### Data listing
========================================================================

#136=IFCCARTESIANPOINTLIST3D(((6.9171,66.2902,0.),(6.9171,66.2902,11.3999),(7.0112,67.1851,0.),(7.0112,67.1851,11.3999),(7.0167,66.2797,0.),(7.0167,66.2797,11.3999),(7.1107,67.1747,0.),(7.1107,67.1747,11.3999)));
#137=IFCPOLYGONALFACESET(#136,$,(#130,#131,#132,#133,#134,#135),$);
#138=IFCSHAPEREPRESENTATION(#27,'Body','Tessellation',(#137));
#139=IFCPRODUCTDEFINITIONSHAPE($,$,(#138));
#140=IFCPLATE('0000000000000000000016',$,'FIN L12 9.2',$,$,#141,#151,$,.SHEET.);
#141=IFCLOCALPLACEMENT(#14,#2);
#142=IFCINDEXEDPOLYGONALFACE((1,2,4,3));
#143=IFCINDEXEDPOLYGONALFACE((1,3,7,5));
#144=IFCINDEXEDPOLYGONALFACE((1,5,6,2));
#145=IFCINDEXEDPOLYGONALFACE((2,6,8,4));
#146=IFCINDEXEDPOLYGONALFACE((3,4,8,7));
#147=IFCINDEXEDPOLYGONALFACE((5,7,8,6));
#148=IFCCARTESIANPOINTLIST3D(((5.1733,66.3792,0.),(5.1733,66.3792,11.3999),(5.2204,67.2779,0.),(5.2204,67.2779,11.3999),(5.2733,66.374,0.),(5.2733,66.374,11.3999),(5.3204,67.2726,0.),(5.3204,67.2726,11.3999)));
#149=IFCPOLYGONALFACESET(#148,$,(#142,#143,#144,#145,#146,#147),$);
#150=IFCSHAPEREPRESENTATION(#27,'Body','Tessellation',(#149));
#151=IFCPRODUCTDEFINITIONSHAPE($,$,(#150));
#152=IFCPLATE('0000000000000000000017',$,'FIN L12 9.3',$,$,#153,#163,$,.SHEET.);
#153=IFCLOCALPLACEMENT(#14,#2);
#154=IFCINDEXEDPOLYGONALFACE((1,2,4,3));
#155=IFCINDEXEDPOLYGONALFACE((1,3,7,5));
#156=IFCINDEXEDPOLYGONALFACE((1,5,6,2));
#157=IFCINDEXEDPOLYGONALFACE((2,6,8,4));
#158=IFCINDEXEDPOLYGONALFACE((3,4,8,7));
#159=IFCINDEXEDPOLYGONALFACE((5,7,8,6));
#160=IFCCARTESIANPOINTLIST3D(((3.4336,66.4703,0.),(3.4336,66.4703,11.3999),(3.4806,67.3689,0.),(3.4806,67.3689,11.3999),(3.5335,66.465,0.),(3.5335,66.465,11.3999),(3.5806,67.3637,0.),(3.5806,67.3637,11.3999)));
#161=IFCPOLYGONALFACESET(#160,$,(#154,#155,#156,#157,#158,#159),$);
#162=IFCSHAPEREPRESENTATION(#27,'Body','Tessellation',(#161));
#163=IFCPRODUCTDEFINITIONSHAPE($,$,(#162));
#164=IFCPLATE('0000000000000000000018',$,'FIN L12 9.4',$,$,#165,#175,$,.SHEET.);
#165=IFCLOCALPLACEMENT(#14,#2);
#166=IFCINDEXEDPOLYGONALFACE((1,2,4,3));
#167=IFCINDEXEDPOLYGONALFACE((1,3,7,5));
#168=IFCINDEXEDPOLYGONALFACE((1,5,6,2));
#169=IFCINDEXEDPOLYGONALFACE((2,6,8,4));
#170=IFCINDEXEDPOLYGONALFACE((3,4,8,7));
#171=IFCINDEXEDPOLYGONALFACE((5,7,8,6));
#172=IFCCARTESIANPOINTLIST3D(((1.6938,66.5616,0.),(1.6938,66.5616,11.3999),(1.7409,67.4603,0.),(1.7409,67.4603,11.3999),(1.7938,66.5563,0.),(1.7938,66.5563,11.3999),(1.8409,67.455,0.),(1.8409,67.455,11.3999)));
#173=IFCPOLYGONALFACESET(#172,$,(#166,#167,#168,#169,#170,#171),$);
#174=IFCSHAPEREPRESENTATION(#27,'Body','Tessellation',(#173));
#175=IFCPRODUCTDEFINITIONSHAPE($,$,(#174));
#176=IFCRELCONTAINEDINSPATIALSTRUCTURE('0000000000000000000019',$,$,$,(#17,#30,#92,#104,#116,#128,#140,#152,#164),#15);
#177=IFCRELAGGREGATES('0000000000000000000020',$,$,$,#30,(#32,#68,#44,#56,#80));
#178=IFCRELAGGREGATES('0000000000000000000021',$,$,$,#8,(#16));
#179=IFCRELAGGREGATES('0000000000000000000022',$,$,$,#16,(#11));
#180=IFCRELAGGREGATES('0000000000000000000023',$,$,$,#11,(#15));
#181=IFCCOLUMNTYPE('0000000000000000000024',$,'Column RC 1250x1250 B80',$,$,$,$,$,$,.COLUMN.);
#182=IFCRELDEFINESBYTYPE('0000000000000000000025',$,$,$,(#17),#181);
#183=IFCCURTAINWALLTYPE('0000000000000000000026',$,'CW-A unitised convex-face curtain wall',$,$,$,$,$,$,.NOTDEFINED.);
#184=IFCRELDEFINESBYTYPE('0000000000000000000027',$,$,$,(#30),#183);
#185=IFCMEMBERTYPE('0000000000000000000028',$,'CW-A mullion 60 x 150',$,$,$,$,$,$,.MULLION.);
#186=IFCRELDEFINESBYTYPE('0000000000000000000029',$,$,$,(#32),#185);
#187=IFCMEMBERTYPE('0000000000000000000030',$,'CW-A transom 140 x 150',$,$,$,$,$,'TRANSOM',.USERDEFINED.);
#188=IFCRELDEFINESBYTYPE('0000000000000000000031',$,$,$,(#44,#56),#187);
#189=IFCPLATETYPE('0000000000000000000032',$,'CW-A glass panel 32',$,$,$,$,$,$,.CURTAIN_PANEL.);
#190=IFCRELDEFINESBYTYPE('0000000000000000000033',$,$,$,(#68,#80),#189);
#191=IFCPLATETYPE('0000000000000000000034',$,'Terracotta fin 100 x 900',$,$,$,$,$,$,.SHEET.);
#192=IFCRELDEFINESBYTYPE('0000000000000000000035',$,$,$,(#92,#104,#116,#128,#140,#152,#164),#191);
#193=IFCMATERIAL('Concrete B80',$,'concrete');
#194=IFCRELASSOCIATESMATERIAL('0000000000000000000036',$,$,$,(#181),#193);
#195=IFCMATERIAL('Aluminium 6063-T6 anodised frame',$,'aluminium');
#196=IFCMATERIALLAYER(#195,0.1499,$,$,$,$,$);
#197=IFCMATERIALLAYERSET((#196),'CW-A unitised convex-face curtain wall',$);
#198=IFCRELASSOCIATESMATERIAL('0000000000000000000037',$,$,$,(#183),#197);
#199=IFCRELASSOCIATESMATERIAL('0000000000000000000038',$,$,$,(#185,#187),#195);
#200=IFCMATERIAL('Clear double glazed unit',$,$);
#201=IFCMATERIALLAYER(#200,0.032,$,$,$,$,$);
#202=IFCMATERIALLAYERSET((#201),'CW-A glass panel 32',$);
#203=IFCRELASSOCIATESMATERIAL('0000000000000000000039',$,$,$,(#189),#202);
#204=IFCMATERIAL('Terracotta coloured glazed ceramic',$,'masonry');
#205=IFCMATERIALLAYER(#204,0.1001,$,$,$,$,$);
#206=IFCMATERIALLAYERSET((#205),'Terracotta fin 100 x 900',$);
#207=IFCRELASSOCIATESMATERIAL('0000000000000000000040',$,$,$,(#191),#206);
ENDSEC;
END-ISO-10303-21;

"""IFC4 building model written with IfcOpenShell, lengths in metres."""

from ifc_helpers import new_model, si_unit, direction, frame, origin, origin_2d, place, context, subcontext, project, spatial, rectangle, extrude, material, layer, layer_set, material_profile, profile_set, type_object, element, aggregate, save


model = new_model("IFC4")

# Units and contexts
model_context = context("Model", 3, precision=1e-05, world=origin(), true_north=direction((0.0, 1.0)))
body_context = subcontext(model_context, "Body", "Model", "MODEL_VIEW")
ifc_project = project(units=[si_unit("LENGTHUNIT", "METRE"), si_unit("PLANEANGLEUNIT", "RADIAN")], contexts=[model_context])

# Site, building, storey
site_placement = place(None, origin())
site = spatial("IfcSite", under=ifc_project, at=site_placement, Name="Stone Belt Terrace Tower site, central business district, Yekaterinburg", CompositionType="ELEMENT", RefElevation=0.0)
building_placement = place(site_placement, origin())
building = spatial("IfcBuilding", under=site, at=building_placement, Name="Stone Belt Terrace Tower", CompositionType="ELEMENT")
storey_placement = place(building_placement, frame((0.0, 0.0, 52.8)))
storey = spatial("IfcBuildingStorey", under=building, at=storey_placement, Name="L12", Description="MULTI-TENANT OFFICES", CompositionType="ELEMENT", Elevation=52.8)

========================================================================

### Task goal
Scan the lines above for the word "glass". Return each one that has it.

### Exercise result
#189=IFCPLATETYPE('0000000000000000000032',$,'CW-A glass panel 32',$,$,$,$,$,$,.CURTAIN_PANEL.);
#202=IFCMATERIALLAYERSET((#201),'CW-A glass panel 32',$);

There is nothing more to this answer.